EXERCISE REQUIREMENTS — Copy each line of the listing below where the word "IFCLOCALPLACEMENT" turns up.

ENTRIES SHOWN —
__________________________________________________

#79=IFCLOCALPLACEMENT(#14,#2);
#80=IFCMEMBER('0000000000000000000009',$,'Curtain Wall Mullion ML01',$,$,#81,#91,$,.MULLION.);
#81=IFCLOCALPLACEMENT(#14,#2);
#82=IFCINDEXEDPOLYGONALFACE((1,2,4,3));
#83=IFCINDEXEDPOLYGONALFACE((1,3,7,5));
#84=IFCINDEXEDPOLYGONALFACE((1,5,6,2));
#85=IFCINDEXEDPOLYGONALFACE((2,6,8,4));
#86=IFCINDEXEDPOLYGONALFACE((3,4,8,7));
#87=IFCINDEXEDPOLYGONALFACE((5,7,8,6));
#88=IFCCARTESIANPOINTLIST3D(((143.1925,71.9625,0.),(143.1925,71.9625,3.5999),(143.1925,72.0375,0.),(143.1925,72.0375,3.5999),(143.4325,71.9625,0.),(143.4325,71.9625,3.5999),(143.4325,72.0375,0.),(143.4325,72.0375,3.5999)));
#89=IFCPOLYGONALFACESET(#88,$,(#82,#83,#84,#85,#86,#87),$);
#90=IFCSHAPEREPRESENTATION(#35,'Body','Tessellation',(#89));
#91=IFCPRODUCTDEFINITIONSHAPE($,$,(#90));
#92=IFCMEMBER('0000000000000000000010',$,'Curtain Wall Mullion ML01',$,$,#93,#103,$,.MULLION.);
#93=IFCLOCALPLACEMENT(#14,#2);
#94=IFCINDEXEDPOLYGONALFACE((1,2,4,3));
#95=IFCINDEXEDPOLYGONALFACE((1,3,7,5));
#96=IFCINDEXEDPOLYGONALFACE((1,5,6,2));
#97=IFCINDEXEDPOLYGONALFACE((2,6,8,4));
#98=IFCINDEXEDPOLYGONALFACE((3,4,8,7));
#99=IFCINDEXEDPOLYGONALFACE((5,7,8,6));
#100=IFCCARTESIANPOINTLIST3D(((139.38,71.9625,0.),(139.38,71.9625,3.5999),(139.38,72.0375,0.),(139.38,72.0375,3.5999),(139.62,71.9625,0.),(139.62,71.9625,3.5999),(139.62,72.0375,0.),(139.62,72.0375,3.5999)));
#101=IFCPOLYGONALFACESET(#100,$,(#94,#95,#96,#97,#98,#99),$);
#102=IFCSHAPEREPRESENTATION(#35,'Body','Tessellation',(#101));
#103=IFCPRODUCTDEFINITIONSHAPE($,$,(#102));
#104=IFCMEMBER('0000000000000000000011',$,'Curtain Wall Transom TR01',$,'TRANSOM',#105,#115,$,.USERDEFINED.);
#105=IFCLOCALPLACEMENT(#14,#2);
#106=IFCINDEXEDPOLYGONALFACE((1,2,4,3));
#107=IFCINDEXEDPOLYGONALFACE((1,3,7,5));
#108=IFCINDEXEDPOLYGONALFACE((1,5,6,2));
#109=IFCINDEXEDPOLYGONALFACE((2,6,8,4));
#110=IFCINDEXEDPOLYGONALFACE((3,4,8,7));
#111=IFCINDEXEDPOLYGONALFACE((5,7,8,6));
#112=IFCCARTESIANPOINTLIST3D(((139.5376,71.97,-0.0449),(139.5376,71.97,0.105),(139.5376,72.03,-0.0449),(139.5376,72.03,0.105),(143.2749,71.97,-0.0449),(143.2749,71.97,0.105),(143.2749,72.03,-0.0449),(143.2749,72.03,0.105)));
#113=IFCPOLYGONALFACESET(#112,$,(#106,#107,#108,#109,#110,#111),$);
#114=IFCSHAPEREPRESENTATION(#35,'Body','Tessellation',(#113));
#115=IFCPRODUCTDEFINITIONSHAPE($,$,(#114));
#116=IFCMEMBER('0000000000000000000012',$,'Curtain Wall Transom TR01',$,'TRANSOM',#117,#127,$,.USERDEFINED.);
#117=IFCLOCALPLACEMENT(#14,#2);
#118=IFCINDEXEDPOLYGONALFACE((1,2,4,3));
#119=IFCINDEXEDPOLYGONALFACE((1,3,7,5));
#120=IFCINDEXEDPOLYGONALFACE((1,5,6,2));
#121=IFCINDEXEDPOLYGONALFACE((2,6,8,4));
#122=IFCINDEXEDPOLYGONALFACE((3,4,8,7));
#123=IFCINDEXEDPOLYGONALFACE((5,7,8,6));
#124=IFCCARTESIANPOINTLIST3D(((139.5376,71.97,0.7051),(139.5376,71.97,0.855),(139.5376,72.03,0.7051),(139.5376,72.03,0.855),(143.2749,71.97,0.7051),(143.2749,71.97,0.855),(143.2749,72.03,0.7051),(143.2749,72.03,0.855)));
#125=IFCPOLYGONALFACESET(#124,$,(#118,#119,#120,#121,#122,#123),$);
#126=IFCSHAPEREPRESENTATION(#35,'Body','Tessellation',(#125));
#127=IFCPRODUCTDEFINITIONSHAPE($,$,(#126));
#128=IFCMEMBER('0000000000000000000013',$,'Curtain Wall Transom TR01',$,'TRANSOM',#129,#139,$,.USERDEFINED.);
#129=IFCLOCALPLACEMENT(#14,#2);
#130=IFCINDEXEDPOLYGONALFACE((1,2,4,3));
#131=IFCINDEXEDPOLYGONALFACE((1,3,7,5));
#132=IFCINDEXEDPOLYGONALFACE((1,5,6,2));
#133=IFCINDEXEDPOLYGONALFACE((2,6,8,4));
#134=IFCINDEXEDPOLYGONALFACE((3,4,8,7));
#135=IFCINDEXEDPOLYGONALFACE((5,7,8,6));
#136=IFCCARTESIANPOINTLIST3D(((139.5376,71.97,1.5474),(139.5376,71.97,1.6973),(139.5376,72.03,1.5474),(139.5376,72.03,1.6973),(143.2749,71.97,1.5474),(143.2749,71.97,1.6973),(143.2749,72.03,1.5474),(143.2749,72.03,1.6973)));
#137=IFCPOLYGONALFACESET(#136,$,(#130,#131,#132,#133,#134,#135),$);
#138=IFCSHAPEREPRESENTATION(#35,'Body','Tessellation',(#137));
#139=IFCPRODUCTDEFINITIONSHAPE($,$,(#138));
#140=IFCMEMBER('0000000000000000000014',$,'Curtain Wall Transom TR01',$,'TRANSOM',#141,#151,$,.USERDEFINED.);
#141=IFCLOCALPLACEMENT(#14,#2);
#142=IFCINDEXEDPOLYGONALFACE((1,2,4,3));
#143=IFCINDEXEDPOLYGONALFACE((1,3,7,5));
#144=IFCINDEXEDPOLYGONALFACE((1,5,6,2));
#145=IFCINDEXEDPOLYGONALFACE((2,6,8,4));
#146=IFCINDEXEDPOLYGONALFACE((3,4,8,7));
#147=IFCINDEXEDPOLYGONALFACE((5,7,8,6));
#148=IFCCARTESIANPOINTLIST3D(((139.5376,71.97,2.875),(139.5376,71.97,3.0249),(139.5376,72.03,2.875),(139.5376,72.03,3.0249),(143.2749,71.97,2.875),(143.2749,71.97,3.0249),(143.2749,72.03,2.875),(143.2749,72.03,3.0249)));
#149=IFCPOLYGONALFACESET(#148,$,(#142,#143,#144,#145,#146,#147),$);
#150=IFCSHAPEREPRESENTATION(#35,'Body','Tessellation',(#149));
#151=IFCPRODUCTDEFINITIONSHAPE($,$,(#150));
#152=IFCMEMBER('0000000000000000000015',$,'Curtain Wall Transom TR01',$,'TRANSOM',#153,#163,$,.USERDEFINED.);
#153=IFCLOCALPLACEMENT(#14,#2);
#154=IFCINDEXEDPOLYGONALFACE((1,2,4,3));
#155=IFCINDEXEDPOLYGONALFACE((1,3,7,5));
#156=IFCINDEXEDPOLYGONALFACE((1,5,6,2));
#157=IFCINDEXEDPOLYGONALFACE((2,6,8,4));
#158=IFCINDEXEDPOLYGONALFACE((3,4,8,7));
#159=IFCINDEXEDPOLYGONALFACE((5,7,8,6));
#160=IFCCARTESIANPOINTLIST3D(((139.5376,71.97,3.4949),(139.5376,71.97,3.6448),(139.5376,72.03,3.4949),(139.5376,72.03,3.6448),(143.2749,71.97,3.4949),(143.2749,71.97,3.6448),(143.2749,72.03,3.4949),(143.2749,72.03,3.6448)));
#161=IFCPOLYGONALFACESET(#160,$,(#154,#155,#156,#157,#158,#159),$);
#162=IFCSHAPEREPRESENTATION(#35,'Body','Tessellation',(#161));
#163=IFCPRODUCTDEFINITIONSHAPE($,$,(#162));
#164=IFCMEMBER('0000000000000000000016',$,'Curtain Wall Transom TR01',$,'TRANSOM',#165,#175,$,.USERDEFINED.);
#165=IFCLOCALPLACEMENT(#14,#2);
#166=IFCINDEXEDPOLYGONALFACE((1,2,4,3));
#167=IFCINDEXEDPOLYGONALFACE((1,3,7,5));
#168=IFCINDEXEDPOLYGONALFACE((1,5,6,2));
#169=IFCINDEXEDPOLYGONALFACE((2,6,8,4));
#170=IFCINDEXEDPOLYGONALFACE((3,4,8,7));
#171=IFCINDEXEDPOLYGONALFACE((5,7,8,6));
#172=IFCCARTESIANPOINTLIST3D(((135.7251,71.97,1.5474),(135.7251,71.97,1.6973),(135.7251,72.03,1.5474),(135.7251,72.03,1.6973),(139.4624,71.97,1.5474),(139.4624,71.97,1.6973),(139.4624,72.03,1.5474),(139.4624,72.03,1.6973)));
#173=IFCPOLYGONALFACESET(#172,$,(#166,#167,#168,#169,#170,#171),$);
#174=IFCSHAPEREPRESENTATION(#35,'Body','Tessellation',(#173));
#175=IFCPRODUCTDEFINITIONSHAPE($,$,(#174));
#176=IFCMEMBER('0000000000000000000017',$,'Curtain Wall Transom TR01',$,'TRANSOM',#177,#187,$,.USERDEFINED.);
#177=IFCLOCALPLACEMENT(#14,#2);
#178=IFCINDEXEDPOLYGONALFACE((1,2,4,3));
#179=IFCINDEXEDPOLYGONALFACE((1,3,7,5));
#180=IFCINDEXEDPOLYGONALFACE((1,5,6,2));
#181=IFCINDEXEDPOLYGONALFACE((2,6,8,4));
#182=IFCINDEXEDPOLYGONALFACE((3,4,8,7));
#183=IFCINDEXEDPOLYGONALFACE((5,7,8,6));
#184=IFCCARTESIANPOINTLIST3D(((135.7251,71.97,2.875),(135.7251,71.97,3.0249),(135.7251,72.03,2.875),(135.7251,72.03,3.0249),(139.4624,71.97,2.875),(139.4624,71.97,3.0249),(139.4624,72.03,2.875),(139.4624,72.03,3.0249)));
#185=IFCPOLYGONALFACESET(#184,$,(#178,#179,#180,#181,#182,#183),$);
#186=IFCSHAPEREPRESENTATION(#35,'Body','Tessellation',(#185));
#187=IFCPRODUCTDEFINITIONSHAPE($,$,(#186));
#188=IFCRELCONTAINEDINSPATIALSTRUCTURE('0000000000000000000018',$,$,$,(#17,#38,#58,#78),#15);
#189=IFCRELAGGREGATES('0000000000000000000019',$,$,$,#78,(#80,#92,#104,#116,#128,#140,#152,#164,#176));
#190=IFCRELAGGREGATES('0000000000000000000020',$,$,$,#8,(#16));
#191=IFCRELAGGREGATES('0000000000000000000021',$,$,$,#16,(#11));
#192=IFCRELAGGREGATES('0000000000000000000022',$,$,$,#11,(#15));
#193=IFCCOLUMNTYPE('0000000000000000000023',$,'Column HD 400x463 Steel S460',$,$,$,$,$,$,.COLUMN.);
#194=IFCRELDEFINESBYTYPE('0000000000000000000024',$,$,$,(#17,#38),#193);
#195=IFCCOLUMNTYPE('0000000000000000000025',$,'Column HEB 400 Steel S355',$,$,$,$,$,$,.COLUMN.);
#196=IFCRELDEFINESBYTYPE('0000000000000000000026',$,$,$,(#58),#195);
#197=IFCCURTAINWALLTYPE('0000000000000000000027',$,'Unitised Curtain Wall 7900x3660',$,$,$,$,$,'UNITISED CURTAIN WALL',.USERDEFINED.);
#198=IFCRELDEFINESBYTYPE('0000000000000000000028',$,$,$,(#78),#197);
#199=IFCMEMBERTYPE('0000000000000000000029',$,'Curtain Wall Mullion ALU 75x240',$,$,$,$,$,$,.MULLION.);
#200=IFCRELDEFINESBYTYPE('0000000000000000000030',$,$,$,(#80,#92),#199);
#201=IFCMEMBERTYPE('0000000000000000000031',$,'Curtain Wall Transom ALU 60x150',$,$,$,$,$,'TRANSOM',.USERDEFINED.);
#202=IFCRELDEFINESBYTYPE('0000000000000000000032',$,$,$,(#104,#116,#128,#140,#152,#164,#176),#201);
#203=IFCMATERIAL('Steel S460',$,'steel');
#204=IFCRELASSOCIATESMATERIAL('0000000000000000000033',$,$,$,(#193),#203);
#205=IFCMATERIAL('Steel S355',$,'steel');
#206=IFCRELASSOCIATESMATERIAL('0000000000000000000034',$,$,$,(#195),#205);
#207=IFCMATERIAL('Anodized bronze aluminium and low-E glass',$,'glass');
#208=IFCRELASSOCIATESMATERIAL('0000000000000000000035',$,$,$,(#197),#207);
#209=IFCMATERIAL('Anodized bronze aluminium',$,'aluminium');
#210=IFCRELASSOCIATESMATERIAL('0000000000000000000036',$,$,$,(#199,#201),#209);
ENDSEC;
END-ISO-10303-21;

__________________________________________________

PROBLEM SOLUTION —
#79=IFCLOCALPLACEMENT(#14,#2);
#81=IFCLOCALPLACEMENT(#14,#2);
#93=IFCLOCALPLACEMENT(#14,#2);
#105=IFCLOCALPLACEMENT(#14,#2);
#117=IFCLOCALPLACEMENT(#14,#2);
#129=IFCLOCALPLACEMENT(#14,#2);
#141=IFCLOCALPLACEMENT(#14,#2);
#153=IFCLOCALPLACEMENT(#14,#2);
#165=IFCLOCALPLACEMENT(#14,#2);
#177=IFCLOCALPLACEMENT(#14,#2);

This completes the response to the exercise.